* Work instructions *
Each line of the entries, from the first to the line containing "frame((0.0, 0.0, -9.0)))", is to be transcribed exactly as it stands; include no other lines.

* Provided information *

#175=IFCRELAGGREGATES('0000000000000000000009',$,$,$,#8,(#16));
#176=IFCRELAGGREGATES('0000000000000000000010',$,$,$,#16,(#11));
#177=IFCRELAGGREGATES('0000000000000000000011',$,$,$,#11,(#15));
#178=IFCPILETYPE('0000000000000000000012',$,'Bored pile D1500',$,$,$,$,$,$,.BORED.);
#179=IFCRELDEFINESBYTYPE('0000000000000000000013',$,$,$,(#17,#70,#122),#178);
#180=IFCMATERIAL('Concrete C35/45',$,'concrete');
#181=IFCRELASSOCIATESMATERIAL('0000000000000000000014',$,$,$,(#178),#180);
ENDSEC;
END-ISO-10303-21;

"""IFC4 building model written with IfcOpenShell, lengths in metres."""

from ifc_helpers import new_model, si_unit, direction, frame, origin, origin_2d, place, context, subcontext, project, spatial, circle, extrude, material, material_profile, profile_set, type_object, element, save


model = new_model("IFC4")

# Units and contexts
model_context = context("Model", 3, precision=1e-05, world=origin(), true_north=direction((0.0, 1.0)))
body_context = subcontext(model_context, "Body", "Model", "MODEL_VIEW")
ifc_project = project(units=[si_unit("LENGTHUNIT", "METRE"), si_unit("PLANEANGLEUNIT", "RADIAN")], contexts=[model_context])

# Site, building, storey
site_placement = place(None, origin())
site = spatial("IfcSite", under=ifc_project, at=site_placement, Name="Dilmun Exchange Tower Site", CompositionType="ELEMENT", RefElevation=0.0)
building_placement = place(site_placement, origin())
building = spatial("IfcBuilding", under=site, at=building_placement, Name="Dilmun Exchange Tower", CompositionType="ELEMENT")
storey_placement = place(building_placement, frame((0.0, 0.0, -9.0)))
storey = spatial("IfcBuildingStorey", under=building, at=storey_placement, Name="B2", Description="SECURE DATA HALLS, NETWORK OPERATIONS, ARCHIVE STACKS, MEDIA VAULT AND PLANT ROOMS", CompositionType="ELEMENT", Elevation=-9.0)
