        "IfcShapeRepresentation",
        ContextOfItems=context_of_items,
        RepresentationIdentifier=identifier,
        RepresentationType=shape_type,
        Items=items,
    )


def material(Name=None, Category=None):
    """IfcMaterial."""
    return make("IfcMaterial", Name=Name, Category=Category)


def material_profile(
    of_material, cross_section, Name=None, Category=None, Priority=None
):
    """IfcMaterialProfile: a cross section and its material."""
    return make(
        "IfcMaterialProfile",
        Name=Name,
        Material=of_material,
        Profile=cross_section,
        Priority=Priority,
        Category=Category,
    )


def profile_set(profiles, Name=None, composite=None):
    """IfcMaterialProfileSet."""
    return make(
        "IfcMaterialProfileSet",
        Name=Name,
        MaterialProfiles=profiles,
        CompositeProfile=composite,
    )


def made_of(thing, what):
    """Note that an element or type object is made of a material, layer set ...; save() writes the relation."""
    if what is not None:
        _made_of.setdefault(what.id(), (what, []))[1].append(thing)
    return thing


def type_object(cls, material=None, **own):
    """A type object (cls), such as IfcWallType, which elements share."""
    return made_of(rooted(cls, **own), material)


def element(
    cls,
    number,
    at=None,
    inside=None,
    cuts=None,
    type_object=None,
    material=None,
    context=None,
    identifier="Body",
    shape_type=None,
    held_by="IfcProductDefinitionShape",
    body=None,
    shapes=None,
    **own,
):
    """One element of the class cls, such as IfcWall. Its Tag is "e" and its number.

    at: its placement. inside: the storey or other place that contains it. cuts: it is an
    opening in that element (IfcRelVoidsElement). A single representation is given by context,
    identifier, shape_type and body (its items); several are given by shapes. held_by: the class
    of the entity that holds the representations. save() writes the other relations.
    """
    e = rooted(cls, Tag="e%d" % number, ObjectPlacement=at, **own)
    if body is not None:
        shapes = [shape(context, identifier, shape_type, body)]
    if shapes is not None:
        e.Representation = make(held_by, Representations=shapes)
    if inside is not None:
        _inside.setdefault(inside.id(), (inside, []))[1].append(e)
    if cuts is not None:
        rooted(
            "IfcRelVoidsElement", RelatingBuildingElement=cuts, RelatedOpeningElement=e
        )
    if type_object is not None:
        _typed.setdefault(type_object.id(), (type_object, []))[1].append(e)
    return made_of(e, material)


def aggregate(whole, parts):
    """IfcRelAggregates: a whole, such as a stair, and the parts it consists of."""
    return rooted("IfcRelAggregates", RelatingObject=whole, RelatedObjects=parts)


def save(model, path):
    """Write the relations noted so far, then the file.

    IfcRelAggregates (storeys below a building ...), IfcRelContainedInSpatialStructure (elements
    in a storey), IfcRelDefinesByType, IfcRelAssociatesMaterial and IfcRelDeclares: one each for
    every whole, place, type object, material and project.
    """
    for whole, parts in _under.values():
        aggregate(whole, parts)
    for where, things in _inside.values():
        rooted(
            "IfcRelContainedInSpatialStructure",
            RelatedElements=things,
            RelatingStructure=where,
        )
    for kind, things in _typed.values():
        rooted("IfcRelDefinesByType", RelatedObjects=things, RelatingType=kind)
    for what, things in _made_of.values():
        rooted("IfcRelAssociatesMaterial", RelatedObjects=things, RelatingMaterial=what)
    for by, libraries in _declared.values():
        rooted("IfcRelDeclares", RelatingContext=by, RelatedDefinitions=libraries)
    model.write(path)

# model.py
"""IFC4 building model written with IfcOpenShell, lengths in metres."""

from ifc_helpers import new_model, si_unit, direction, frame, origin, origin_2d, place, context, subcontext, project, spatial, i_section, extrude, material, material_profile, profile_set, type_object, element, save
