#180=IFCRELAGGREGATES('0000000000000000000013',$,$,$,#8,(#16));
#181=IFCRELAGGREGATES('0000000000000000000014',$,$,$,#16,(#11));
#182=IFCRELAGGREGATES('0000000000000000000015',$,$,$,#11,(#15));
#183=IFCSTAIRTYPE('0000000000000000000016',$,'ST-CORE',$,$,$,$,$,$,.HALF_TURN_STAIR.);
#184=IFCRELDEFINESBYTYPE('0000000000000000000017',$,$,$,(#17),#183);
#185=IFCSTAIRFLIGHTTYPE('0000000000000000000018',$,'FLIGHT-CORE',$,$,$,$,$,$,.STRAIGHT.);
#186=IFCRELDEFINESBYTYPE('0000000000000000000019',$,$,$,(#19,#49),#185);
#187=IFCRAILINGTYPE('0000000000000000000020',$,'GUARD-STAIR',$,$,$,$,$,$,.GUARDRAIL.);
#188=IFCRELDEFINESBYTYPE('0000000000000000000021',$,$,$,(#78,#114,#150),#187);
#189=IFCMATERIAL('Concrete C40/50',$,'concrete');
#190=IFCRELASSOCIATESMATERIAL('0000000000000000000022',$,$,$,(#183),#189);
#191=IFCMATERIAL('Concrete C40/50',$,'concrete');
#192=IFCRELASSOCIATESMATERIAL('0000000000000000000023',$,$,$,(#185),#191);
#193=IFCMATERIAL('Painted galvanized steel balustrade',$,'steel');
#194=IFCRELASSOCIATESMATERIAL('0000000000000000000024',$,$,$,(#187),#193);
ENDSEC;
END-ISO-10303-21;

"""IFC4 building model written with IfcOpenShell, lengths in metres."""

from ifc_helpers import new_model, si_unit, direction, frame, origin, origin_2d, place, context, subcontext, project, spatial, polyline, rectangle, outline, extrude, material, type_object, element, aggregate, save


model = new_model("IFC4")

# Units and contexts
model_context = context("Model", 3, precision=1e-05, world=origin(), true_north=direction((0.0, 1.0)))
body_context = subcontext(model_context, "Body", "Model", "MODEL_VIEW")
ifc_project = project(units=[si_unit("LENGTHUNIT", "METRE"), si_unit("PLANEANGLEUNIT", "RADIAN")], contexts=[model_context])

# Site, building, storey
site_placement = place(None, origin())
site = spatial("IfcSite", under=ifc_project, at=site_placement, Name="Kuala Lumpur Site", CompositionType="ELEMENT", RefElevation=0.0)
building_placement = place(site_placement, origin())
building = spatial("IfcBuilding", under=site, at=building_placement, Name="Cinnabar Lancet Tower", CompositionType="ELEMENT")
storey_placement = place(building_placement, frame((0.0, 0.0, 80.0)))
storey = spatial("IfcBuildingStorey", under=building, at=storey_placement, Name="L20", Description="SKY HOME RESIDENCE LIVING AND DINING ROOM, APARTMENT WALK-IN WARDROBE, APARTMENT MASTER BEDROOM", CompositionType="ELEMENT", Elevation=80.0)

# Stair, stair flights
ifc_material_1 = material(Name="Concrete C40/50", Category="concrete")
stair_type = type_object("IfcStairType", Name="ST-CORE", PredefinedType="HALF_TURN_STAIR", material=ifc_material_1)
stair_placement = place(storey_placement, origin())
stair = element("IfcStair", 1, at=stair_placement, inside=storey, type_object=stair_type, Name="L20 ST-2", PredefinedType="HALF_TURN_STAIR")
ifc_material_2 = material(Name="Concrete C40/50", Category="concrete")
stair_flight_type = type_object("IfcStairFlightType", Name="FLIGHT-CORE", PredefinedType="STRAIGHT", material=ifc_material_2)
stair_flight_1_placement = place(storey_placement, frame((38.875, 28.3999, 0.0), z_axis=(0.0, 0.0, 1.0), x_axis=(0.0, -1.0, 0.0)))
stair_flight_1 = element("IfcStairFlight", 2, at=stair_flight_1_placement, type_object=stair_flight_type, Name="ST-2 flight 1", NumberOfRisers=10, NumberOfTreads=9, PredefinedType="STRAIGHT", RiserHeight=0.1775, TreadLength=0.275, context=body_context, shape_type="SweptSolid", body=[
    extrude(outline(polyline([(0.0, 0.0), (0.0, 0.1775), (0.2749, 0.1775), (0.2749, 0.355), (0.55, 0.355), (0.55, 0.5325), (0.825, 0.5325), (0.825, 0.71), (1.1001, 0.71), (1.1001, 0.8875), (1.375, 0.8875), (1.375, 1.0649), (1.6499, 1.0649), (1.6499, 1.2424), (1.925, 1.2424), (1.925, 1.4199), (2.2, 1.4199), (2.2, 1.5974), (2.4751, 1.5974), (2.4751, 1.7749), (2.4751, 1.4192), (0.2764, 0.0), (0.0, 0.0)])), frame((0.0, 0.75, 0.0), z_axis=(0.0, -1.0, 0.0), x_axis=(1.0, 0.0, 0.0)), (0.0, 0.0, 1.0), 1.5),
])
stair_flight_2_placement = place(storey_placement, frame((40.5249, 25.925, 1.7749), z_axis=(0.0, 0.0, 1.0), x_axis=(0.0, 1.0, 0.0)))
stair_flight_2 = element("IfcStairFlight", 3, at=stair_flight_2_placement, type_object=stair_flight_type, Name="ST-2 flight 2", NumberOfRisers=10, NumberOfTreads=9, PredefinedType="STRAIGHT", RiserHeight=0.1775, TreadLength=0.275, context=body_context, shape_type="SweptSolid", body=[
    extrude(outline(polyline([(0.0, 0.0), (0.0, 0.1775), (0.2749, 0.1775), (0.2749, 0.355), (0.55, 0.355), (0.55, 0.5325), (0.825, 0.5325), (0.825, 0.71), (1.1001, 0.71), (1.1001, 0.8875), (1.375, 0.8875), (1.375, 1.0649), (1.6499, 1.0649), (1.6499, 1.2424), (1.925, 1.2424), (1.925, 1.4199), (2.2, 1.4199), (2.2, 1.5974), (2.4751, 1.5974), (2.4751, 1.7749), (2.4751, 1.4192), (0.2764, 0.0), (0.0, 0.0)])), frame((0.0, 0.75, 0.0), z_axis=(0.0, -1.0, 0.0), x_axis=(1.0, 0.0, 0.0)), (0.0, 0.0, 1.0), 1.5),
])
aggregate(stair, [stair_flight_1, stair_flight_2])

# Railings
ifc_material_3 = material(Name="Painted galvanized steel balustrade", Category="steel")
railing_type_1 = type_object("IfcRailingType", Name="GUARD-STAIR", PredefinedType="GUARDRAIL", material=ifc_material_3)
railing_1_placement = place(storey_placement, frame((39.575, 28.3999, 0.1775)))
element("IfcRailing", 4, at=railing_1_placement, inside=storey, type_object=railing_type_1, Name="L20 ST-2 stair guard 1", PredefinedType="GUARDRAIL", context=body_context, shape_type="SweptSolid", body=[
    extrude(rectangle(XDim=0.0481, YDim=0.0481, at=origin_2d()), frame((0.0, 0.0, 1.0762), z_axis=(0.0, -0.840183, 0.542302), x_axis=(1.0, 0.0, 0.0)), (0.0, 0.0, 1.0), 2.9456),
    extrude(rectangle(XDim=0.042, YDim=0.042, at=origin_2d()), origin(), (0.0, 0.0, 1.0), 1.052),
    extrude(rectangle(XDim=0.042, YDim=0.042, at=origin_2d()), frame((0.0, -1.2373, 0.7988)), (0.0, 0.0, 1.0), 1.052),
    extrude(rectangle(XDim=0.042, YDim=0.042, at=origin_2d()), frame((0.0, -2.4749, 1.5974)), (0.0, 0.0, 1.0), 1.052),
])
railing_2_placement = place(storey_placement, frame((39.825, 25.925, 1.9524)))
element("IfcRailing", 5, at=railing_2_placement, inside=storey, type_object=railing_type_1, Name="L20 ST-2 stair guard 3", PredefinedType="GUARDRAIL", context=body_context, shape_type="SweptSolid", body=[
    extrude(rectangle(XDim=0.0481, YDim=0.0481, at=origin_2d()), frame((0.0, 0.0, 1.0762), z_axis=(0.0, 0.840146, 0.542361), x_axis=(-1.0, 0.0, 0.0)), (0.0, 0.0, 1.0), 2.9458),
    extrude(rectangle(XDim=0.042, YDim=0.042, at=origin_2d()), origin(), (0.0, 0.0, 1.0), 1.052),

* Exercise output *
#175=IFCRELAGGREGATES('0000000000000000000009',$,$,$,#8,(#16));
#176=IFCRELAGGREGATES('0000000000000000000010',$,$,$,#16,(#11));
#177=IFCRELAGGREGATES('0000000000000000000011',$,$,$,#11,(#15));
#178=IFCPILETYPE('0000000000000000000012',$,'Bored pile D1500',$,$,$,$,$,$,.BORED.);
#179=IFCRELDEFINESBYTYPE('0000000000000000000013',$,$,$,(#17,#70,#122),#178);
#180=IFCMATERIAL('Concrete C35/45',$,'concrete');
#181=IFCRELASSOCIATESMATERIAL('0000000000000000000014',$,$,$,(#178),#180);
ENDSEC;
END-ISO-10303-21;

"""IFC4 building model written with IfcOpenShell, lengths in metres."""

from ifc_helpers import new_model, si_unit, direction, frame, origin, origin_2d, place, context, subcontext, project, spatial, circle, extrude, material, material_profile, profile_set, type_object, element, save


model = new_model("IFC4")

# Units and contexts
model_context = context("Model", 3, precision=1e-05, world=origin(), true_north=direction((0.0, 1.0)))
body_context = subcontext(model_context, "Body", "Model", "MODEL_VIEW")
ifc_project = project(units=[si_unit("LENGTHUNIT", "METRE"), si_unit("PLANEANGLEUNIT", "RADIAN")], contexts=[model_context])

# Site, building, storey
site_placement = place(None, origin())
site = spatial("IfcSite", under=ifc_project, at=site_placement, Name="Dilmun Exchange Tower Site", CompositionType="ELEMENT", RefElevation=0.0)
building_placement = place(site_placement, origin())
building = spatial("IfcBuilding", under=site, at=building_placement, Name="Dilmun Exchange Tower", CompositionType="ELEMENT")
storey_placement = place(building_placement, frame((0.0, 0.0, -9.0)))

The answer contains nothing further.